> [TASK GOAL]: Start with the first line of the records below. Output each line exactly, ending with the one that contains "#202=IFCMATERIALLAYER(#201,0.1399,$,'IW-PART-140',$,$,$);".

> [SUPPLIED DATA]:
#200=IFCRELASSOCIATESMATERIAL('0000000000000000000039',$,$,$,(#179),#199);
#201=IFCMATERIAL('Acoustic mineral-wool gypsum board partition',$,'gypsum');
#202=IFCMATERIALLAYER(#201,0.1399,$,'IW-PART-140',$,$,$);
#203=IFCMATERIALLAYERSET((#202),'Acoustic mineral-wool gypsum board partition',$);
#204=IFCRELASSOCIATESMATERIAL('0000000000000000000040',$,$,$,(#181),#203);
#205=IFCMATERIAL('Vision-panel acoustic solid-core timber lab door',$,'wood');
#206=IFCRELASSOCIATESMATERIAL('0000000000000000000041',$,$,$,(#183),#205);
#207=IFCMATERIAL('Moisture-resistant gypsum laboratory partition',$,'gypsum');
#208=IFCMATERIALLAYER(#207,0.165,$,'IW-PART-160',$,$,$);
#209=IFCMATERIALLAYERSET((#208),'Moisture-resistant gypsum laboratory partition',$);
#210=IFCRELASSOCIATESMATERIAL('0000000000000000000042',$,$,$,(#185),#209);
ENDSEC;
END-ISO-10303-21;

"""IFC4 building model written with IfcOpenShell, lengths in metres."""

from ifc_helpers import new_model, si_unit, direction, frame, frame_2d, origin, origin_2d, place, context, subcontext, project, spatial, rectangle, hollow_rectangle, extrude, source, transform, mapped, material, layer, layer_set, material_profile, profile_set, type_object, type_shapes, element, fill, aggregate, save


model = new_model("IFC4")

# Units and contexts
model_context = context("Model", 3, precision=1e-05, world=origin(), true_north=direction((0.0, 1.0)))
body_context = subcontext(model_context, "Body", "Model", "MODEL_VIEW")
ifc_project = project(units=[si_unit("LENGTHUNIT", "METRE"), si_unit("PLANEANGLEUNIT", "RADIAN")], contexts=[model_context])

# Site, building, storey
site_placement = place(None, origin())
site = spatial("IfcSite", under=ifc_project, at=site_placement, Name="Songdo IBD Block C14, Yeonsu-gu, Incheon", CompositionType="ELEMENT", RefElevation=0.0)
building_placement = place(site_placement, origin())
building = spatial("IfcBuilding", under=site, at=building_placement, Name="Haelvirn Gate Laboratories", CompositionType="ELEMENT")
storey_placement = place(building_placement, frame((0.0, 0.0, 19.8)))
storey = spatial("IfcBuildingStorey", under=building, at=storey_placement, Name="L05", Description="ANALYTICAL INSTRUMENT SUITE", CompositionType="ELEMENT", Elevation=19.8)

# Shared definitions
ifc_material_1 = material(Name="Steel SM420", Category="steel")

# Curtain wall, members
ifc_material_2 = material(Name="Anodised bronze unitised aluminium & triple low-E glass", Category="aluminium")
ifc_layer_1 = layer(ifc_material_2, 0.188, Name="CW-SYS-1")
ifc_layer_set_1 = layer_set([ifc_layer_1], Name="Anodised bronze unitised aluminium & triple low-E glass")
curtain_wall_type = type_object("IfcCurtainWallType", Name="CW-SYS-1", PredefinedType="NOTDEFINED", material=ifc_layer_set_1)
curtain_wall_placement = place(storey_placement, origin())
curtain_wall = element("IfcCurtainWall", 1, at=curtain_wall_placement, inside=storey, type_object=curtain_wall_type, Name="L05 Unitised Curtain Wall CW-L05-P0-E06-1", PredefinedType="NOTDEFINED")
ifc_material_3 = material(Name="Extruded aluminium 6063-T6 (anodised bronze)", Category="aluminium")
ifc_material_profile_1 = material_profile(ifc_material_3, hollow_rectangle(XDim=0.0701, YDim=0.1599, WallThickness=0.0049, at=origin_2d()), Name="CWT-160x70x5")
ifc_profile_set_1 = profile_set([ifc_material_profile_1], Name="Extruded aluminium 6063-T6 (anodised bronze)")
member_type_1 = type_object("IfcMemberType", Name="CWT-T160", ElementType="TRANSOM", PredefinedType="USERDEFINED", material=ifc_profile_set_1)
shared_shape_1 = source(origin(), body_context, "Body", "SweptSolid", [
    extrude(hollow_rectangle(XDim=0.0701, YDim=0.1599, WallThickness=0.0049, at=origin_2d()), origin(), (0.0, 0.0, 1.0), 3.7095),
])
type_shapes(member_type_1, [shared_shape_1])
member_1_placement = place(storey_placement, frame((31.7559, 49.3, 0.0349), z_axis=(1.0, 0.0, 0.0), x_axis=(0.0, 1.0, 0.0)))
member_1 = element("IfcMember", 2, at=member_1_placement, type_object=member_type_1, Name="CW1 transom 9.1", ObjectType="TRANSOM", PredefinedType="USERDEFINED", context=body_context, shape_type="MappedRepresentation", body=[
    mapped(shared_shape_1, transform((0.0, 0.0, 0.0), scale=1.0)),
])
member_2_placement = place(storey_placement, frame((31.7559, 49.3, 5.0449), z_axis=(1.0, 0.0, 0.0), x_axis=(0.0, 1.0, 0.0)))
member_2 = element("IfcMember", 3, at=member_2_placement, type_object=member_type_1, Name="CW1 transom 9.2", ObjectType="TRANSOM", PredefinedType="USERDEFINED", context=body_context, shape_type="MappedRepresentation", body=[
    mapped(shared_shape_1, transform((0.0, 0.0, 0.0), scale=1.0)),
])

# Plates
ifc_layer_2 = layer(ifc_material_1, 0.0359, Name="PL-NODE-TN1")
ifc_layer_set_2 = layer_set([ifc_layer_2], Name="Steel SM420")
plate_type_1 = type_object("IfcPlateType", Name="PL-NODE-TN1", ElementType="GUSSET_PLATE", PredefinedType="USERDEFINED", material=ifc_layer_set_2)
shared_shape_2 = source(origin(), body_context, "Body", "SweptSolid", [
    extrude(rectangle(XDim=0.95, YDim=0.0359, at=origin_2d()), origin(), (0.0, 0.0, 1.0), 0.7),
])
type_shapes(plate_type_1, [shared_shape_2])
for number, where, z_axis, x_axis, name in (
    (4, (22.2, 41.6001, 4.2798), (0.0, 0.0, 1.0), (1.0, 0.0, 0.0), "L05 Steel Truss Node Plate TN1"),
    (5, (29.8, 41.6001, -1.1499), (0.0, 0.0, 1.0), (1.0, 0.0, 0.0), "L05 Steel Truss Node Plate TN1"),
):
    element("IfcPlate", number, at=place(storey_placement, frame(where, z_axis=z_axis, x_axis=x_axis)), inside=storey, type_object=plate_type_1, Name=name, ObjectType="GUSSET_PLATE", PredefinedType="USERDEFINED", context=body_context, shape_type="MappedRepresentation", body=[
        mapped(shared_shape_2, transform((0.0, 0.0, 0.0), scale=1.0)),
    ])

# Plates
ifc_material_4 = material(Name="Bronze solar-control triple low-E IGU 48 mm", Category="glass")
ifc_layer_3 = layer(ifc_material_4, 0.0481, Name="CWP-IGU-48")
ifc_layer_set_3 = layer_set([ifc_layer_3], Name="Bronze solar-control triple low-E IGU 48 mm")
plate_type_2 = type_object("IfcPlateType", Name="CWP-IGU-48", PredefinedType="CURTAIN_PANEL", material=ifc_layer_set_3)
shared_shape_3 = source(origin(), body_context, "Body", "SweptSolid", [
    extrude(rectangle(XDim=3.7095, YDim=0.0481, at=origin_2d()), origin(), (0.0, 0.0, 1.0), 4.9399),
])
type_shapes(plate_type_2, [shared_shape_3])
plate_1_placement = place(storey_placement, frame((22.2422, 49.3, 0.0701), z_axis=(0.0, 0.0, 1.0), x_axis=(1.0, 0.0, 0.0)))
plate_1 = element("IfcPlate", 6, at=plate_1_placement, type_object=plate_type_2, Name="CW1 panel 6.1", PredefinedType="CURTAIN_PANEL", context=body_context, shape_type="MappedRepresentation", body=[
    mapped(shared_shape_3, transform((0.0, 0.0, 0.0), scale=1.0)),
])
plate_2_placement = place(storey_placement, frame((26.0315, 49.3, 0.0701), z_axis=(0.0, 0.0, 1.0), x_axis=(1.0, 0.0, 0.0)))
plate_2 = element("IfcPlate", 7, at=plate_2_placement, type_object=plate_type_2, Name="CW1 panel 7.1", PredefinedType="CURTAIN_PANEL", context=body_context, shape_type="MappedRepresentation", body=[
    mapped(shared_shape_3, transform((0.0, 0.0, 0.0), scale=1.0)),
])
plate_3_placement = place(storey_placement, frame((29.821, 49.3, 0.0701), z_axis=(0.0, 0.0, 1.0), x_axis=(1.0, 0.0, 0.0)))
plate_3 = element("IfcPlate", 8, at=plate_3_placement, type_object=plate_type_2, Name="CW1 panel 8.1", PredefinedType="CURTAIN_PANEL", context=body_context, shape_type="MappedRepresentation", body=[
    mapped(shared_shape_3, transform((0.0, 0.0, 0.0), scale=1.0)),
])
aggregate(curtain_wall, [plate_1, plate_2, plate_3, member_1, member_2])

> [TASK OUTPUT]:
#200=IFCRELASSOCIATESMATERIAL('0000000000000000000039',$,$,$,(#179),#199);
#201=IFCMATERIAL('Acoustic mineral-wool gypsum board partition',$,'gypsum');
#202=IFCMATERIALLAYER(#201,0.1399,$,'IW-PART-140',$,$,$);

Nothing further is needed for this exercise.